== Extracted records ==

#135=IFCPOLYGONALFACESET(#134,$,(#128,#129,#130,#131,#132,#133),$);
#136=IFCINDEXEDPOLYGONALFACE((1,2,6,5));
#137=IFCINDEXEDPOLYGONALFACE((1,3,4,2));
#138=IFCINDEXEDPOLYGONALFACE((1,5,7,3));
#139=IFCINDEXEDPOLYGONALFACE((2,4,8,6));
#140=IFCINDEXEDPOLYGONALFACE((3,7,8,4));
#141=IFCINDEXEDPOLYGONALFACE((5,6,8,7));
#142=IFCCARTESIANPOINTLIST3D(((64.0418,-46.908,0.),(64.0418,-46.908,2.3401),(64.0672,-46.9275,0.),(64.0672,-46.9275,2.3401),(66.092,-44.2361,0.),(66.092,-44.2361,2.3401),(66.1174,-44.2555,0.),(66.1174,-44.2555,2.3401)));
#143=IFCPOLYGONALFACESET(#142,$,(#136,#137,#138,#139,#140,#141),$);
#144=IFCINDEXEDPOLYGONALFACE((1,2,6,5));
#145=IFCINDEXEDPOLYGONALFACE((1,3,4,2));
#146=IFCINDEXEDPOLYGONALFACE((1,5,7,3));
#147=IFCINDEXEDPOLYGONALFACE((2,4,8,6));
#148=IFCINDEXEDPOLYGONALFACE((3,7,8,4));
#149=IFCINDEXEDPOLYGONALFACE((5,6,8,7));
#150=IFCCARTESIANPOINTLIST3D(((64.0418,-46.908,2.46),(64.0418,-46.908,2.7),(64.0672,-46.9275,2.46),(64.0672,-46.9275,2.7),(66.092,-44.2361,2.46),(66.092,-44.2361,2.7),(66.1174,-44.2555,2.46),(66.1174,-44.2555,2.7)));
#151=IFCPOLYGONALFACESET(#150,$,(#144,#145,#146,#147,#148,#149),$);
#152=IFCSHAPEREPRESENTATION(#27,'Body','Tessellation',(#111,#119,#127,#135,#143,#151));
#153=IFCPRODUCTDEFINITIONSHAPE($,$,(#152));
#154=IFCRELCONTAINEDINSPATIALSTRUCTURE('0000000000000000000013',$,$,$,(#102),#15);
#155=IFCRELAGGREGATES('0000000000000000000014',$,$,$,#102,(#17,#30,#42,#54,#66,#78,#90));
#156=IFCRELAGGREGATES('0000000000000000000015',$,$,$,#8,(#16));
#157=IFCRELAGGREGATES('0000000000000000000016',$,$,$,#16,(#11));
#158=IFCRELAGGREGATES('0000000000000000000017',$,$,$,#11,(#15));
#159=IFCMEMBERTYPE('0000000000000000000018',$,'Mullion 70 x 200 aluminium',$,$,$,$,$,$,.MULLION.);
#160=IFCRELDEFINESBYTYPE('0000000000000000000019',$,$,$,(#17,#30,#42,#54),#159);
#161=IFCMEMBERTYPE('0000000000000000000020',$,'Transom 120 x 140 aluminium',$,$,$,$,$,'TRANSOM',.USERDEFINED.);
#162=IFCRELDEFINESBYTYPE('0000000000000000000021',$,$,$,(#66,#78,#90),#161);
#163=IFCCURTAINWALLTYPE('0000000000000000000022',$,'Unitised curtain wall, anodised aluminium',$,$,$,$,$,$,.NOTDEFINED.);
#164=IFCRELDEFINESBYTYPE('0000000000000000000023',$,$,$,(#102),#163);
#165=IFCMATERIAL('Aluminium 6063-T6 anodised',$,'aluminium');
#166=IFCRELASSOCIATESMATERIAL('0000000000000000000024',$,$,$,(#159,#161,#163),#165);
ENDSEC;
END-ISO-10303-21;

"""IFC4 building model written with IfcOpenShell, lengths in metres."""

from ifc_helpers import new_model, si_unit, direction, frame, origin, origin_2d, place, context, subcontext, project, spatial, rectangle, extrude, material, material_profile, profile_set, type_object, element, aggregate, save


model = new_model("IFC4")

===

> What to produce
Check the listing above for "IFCPOLYGONALFACESET". Show every line where it turns up.

> Task output
#135=IFCPOLYGONALFACESET(#134,$,(#128,#129,#130,#131,#132,#133),$);
#143=IFCPOLYGONALFACESET(#142,$,(#136,#137,#138,#139,#140,#141),$);
#151=IFCPOLYGONALFACESET(#150,$,(#144,#145,#146,#147,#148,#149),$);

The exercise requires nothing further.